DATASET RECORDS:
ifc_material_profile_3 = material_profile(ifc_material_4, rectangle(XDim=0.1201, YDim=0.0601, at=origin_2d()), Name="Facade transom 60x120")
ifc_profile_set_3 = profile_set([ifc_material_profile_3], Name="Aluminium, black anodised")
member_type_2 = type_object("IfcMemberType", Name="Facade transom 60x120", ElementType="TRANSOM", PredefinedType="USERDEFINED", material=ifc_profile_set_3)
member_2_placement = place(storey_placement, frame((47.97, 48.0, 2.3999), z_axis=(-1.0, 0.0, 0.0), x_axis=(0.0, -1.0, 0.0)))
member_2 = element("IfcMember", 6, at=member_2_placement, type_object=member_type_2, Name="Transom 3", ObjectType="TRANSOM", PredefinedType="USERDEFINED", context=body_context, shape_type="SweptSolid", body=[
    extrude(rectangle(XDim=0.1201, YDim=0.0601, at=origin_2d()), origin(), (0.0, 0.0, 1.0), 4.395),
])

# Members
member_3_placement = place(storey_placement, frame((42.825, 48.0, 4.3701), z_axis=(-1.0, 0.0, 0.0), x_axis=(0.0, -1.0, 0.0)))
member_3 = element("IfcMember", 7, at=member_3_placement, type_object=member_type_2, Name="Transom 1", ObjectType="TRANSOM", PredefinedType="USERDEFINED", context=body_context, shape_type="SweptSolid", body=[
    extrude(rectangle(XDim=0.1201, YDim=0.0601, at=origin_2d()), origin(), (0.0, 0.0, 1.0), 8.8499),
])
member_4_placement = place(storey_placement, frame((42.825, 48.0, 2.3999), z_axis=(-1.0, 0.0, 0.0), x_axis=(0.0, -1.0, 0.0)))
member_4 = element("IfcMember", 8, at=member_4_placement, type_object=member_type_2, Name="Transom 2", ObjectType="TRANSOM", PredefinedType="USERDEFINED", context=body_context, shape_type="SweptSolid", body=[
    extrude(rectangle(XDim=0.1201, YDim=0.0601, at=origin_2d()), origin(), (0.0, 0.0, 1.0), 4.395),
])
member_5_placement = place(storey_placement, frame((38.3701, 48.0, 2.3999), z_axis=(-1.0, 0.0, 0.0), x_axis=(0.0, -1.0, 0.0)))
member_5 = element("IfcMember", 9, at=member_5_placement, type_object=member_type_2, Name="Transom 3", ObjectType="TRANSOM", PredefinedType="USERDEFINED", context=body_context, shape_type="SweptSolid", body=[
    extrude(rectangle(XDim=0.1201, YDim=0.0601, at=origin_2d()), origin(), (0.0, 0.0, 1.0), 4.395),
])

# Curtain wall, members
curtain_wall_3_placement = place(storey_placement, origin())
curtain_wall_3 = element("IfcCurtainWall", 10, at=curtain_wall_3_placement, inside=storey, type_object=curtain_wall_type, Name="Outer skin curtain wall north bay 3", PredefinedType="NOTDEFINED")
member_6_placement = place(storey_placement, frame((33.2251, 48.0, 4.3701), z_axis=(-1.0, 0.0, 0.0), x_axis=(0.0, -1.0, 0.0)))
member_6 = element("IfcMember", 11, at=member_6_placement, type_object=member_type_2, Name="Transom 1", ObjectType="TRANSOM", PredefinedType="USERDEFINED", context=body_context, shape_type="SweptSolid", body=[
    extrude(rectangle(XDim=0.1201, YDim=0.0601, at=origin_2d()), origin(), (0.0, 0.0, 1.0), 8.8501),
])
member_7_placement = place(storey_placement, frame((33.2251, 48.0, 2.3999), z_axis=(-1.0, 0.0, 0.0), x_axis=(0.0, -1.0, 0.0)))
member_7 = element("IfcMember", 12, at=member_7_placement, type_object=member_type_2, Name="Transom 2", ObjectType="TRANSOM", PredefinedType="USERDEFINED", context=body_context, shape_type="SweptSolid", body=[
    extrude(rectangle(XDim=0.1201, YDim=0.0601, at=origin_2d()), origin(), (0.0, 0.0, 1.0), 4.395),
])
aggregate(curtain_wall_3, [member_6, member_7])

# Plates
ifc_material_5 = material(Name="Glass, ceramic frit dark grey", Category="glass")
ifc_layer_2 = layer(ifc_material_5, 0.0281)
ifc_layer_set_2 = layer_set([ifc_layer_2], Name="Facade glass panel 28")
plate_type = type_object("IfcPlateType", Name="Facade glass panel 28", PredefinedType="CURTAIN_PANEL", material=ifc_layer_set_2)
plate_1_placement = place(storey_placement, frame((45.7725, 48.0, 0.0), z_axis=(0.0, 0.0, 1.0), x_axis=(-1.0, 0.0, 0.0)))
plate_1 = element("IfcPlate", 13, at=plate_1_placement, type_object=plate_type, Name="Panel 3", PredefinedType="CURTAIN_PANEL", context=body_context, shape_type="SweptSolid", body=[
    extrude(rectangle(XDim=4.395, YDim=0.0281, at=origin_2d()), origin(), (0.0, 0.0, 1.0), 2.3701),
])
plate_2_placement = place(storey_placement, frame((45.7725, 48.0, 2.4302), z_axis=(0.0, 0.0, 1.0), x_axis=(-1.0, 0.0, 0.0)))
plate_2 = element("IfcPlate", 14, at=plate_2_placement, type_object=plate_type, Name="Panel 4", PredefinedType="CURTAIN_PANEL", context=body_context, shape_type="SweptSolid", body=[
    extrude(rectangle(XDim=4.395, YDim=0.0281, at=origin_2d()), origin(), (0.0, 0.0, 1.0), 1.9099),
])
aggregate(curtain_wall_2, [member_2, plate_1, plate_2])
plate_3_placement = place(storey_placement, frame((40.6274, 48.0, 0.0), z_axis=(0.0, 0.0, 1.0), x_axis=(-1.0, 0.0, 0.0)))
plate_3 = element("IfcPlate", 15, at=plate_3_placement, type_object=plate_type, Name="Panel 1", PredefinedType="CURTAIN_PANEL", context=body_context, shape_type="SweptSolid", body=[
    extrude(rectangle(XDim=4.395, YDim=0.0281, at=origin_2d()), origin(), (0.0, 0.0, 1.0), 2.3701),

...

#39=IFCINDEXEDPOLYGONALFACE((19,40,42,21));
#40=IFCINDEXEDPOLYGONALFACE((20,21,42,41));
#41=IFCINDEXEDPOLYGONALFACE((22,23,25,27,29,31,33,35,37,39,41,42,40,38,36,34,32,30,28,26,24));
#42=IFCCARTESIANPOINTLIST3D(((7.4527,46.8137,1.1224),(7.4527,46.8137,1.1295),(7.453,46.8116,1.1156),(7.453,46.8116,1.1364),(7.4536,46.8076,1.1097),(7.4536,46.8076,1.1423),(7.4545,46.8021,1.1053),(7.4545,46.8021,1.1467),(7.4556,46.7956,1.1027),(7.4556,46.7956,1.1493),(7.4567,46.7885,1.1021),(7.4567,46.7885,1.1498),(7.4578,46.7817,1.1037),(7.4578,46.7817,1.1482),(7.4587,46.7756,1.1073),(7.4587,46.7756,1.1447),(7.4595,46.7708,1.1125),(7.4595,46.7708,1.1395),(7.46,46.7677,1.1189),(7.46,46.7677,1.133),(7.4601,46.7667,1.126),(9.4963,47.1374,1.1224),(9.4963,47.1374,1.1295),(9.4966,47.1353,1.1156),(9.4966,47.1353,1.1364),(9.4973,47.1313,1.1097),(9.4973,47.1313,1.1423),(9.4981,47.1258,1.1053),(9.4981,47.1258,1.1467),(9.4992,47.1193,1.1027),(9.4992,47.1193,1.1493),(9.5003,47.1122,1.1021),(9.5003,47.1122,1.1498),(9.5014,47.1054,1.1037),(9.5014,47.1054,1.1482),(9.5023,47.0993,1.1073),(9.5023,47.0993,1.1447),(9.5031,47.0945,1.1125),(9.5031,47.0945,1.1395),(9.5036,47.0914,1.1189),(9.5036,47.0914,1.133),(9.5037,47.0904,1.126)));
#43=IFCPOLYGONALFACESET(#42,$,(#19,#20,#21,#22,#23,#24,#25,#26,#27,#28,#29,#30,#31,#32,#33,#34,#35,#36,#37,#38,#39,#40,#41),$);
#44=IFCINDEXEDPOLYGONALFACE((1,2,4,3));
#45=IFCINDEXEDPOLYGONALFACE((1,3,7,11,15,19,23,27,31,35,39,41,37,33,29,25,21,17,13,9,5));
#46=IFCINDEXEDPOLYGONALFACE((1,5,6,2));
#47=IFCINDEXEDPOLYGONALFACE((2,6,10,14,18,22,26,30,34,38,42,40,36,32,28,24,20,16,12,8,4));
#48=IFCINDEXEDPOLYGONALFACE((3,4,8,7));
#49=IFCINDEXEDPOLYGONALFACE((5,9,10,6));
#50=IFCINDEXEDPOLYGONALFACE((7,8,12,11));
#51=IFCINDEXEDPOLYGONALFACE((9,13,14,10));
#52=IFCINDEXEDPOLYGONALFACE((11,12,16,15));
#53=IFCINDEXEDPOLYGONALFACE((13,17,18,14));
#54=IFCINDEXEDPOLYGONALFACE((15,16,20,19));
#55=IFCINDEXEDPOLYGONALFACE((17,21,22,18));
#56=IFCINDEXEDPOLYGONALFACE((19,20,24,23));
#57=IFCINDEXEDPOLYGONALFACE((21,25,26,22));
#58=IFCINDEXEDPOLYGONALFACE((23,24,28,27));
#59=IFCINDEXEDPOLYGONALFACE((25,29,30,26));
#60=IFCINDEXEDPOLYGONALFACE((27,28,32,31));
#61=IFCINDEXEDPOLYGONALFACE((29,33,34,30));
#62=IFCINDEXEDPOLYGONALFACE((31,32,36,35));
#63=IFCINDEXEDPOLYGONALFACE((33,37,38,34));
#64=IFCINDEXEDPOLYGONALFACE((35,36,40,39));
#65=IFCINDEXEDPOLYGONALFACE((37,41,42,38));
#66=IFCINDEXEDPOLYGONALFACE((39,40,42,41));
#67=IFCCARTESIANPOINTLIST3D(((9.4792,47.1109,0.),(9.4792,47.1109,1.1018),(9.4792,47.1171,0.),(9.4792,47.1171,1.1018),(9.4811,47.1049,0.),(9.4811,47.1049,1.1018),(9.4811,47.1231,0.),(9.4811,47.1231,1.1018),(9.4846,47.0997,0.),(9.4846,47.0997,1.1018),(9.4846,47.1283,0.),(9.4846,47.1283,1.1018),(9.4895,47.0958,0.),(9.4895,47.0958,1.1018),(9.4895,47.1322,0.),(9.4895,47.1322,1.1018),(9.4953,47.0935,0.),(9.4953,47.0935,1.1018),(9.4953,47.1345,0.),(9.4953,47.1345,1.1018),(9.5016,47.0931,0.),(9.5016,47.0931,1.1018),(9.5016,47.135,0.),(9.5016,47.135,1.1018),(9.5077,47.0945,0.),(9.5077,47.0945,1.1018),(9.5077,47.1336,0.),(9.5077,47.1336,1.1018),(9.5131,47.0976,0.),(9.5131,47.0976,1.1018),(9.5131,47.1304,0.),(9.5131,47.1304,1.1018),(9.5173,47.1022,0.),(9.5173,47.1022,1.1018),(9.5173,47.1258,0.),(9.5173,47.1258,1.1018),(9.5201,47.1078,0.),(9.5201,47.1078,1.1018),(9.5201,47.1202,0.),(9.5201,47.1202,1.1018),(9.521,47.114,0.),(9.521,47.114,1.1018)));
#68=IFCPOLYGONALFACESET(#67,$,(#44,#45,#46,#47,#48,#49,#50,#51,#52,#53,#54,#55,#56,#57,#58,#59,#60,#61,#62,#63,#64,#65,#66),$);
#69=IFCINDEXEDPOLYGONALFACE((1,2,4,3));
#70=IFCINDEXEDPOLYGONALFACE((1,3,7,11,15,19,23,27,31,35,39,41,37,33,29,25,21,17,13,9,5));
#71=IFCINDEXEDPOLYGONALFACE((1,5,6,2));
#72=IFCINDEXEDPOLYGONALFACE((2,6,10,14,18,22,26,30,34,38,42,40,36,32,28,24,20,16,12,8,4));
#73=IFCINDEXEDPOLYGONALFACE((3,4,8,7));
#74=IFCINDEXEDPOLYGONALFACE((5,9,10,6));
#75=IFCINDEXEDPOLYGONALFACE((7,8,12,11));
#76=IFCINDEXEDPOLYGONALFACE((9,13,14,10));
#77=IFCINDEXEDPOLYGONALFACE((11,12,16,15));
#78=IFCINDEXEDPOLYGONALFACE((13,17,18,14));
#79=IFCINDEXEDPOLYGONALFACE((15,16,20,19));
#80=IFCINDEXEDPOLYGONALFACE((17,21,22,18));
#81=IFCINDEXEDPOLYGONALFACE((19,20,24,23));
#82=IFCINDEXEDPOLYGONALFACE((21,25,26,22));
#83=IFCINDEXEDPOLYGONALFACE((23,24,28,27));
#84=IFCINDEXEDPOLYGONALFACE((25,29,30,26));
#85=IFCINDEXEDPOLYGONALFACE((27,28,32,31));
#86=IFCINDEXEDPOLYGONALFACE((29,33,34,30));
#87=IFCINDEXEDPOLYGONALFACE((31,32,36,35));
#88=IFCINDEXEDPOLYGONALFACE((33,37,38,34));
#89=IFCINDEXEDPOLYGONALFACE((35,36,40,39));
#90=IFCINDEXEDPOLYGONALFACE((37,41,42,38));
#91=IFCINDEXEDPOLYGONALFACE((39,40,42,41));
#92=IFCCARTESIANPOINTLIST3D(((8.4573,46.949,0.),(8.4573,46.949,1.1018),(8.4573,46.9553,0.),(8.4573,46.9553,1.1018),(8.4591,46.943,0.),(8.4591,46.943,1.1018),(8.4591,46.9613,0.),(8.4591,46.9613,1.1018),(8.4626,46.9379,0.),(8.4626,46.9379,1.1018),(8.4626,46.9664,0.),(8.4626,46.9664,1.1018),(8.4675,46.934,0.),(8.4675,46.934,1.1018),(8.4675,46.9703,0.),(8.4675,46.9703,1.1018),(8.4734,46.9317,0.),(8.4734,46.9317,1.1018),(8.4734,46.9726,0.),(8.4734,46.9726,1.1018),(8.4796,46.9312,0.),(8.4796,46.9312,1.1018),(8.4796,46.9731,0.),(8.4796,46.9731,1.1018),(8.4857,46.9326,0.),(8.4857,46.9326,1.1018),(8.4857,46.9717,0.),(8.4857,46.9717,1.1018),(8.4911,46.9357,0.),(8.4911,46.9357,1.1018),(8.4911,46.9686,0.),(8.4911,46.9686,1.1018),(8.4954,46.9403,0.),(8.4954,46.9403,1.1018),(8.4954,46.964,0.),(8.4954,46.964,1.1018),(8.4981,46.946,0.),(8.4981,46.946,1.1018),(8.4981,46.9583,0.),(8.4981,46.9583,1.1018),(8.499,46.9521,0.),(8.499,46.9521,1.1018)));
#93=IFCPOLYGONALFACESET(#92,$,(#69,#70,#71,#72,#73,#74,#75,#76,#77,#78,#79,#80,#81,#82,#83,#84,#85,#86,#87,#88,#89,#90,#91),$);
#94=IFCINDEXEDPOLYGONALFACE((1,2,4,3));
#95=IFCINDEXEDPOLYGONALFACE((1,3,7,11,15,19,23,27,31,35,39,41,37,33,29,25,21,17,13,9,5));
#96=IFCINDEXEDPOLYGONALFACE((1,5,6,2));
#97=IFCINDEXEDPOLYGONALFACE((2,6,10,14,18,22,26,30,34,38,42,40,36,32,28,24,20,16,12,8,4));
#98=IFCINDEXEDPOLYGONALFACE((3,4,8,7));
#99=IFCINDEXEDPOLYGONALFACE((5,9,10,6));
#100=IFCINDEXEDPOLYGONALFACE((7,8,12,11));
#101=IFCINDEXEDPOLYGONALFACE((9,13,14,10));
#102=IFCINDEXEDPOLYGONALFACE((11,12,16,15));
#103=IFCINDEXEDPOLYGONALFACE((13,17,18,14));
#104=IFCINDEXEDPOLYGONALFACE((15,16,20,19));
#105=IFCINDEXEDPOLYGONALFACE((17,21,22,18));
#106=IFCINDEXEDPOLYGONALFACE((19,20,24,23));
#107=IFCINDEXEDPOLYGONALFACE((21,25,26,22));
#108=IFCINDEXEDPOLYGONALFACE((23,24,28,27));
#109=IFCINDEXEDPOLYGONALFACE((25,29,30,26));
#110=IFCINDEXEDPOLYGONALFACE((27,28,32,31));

TASK DIRECTIONS:
Of the entries above, repeat exactly the lines from the line with "#84=IFCINDEXEDPOLYGONALFACE((25,29,30,26));" through the line with "#91=IFCINDEXEDPOLYGONALFACE((39,40,42,41));", both of them included.

RESPONSE:
#84=IFCINDEXEDPOLYGONALFACE((25,29,30,26));
#85=IFCINDEXEDPOLYGONALFACE((27,28,32,31));
#86=IFCINDEXEDPOLYGONALFACE((29,33,34,30));
#87=IFCINDEXEDPOLYGONALFACE((31,32,36,35));
#88=IFCINDEXEDPOLYGONALFACE((33,37,38,34));
#89=IFCINDEXEDPOLYGONALFACE((35,36,40,39));
#90=IFCINDEXEDPOLYGONALFACE((37,41,42,38));
#91=IFCINDEXEDPOLYGONALFACE((39,40,42,41));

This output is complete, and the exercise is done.